== TASK OBJECTIVE ==
Every record must be copied exactly, from first line to last.

Records contained in a dataset:
>>

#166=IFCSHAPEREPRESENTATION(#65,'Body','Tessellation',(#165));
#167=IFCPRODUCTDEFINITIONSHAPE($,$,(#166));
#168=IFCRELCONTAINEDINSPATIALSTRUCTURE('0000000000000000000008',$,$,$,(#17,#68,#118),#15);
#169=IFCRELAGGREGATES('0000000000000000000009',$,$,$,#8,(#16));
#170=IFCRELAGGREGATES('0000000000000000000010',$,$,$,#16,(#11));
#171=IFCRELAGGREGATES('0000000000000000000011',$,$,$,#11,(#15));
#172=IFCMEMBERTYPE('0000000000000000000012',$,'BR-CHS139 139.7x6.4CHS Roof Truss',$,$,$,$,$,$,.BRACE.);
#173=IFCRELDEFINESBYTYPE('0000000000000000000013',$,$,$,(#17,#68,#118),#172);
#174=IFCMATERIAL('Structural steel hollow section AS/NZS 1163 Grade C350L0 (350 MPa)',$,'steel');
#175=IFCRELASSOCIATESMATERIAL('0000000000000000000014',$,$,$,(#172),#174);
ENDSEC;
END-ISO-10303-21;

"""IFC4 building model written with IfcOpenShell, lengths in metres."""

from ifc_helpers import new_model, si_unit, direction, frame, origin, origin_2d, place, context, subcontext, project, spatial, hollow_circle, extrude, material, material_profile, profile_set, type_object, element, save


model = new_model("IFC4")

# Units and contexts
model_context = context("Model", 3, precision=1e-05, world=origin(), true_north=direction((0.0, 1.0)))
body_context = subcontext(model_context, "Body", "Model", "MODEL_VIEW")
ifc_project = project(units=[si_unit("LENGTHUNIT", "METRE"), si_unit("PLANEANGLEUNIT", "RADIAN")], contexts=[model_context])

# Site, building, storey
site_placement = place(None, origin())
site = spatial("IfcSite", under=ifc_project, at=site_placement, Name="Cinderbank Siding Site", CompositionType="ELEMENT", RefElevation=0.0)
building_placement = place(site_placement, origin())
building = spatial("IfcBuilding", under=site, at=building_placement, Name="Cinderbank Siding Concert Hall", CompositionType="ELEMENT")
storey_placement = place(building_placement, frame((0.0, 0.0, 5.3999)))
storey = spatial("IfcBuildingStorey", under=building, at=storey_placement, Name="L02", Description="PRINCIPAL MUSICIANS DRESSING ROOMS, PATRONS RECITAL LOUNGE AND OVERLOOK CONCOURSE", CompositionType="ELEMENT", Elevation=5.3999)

<<

== WRITTEN REPLY ==
#166=IFCSHAPEREPRESENTATION(#65,'Body','Tessellation',(#165));
#167=IFCPRODUCTDEFINITIONSHAPE($,$,(#166));
#168=IFCRELCONTAINEDINSPATIALSTRUCTURE('0000000000000000000008',$,$,$,(#17,#68,#118),#15);
#169=IFCRELAGGREGATES('0000000000000000000009',$,$,$,#8,(#16));
#170=IFCRELAGGREGATES('0000000000000000000010',$,$,$,#16,(#11));
#171=IFCRELAGGREGATES('0000000000000000000011',$,$,$,#11,(#15));
#172=IFCMEMBERTYPE('0000000000000000000012',$,'BR-CHS139 139.7x6.4CHS Roof Truss',$,$,$,$,$,$,.BRACE.);
#173=IFCRELDEFINESBYTYPE('0000000000000000000013',$,$,$,(#17,#68,#118),#172);
#174=IFCMATERIAL('Structural steel hollow section AS/NZS 1163 Grade C350L0 (350 MPa)',$,'steel');
#175=IFCRELASSOCIATESMATERIAL('0000000000000000000014',$,$,$,(#172),#174);
ENDSEC;
END-ISO-10303-21;

"""IFC4 building model written with IfcOpenShell, lengths in metres."""

from ifc_helpers import new_model, si_unit, direction, frame, origin, origin_2d, place, context, subcontext, project, spatial, hollow_circle, extrude, material, material_profile, profile_set, type_object, element, save


model = new_model("IFC4")

# Units and contexts
model_context = context("Model", 3, precision=1e-05, world=origin(), true_north=direction((0.0, 1.0)))
body_context = subcontext(model_context, "Body", "Model", "MODEL_VIEW")
ifc_project = project(units=[si_unit("LENGTHUNIT", "METRE"), si_unit("PLANEANGLEUNIT", "RADIAN")], contexts=[model_context])

# Site, building, storey
site_placement = place(None, origin())
site = spatial("IfcSite", under=ifc_project, at=site_placement, Name="Cinderbank Siding Site", CompositionType="ELEMENT", RefElevation=0.0)
building_placement = place(site_placement, origin())
building = spatial("IfcBuilding", under=site, at=building_placement, Name="Cinderbank Siding Concert Hall", CompositionType="ELEMENT")
storey_placement = place(building_placement, frame((0.0, 0.0, 5.3999)))
storey = spatial("IfcBuildingStorey", under=building, at=storey_placement, Name="L02", Description="PRINCIPAL MUSICIANS DRESSING ROOMS, PATRONS RECITAL LOUNGE AND OVERLOOK CONCOURSE", CompositionType="ELEMENT", Elevation=5.3999)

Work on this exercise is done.